» Task instructions: From the records below, return every line containing the word "IfcSite".

» Stored data:
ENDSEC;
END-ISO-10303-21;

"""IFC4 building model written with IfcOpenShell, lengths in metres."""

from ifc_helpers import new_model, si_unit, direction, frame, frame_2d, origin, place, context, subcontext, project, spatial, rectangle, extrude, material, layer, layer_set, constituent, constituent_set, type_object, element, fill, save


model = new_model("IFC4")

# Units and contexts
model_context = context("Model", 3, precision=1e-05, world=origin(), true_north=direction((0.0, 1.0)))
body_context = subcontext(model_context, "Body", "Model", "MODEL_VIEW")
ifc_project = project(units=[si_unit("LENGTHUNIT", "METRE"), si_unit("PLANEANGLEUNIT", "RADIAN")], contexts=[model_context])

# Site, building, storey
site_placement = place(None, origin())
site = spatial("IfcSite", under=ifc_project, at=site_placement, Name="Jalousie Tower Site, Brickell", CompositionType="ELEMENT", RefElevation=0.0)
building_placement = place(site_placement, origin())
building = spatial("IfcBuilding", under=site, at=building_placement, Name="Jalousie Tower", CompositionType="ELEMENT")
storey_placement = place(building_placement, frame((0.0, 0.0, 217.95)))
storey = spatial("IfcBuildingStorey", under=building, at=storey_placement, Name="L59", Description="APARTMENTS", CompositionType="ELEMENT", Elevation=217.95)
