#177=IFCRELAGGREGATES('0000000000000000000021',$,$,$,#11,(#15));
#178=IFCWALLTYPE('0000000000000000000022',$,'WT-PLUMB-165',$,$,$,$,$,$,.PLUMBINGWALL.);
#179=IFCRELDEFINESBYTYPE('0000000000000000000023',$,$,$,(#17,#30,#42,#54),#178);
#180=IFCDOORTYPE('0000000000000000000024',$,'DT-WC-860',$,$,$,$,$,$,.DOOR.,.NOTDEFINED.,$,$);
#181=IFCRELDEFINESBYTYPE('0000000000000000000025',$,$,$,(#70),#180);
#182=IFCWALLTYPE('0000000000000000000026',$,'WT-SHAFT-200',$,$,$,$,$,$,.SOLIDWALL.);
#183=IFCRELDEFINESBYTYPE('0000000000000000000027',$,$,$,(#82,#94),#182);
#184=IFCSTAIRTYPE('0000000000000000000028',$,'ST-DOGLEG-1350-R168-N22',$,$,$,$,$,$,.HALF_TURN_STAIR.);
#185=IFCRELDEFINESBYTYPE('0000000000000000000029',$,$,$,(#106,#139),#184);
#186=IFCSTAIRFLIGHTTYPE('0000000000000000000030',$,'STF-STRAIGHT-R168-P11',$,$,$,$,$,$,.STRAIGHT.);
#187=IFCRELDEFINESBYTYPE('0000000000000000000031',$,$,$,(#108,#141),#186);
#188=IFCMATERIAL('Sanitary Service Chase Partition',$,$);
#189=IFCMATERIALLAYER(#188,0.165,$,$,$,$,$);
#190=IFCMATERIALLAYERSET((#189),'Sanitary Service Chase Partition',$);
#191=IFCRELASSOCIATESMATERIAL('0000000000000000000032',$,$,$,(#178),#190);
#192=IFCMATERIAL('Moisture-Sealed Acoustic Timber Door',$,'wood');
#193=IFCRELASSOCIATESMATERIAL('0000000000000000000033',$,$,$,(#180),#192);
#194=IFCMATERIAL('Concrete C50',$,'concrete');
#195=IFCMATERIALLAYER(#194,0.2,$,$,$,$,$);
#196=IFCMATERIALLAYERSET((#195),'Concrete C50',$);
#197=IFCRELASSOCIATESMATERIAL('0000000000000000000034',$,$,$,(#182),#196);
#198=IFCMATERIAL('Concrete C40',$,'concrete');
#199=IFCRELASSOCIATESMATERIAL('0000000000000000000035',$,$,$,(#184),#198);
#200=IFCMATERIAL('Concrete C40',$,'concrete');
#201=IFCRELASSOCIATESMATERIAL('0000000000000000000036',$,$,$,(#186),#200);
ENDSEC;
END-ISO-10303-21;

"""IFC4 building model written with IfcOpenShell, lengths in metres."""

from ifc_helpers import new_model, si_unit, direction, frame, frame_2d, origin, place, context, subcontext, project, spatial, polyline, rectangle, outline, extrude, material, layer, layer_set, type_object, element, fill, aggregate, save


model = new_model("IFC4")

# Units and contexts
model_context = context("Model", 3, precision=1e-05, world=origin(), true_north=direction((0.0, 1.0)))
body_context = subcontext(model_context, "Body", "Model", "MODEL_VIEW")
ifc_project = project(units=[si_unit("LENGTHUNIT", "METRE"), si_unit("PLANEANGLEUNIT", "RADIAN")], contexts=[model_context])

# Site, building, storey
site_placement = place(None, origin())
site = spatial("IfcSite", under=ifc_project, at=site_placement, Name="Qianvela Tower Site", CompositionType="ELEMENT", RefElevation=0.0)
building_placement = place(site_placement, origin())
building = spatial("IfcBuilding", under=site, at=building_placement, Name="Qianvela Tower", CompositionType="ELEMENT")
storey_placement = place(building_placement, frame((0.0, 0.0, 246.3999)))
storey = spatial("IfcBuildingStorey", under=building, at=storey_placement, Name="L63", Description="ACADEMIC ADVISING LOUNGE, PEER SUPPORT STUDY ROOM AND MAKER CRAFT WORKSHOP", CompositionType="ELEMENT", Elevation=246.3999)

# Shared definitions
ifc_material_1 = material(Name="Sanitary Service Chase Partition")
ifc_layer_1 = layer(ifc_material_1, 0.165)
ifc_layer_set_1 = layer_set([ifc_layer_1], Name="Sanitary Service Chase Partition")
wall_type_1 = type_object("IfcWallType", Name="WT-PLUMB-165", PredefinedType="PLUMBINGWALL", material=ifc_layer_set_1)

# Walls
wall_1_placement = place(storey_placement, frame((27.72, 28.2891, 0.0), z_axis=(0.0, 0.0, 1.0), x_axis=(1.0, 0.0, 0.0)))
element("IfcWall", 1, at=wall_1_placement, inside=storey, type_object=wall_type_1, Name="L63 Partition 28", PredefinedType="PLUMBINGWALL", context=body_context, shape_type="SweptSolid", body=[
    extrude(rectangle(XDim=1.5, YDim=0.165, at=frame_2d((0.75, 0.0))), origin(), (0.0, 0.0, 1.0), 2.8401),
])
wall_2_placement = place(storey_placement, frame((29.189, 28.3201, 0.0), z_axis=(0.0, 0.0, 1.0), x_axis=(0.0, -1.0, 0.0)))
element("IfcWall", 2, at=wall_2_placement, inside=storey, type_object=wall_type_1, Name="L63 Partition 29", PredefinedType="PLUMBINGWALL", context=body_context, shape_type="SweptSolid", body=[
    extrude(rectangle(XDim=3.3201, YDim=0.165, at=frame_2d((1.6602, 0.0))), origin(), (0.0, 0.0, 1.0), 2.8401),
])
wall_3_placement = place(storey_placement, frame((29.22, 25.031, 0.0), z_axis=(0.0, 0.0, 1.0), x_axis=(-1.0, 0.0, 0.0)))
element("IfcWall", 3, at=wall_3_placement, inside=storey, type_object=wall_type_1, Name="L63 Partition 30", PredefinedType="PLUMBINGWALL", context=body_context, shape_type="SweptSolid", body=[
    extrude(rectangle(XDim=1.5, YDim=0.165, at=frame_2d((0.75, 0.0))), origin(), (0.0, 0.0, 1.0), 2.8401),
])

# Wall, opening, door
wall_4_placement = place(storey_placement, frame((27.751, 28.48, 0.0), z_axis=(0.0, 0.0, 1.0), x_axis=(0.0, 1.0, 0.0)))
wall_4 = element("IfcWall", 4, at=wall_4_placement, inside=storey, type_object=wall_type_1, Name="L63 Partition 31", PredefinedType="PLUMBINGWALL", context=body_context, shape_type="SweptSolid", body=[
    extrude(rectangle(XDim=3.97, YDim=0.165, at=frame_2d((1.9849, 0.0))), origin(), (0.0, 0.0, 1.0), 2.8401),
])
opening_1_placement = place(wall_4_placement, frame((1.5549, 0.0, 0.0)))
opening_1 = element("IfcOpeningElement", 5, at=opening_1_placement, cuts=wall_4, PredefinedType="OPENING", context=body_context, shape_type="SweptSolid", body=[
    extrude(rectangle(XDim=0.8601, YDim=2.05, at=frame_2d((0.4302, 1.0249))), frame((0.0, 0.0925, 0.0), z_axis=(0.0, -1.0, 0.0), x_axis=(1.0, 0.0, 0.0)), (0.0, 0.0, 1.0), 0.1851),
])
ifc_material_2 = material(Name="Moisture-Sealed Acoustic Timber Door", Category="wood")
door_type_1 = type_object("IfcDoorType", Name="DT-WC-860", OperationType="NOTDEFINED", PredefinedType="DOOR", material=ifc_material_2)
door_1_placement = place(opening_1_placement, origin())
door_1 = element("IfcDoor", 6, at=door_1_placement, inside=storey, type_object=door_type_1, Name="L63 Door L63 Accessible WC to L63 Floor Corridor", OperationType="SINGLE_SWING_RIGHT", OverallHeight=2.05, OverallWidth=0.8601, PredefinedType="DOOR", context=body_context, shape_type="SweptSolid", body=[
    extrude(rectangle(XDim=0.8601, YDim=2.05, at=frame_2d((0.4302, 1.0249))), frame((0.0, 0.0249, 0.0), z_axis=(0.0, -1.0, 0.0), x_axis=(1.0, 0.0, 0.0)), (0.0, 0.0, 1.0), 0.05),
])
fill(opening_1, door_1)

» The completed task:
site = spatial("IfcSite", under=ifc_project, at=site_placement, Name="Jalousie Tower Site, Brickell", CompositionType="ELEMENT", RefElevation=0.0)
site = spatial("IfcSite", under=ifc_project, at=site_placement, Name="Qianvela Tower Site", CompositionType="ELEMENT", RefElevation=0.0)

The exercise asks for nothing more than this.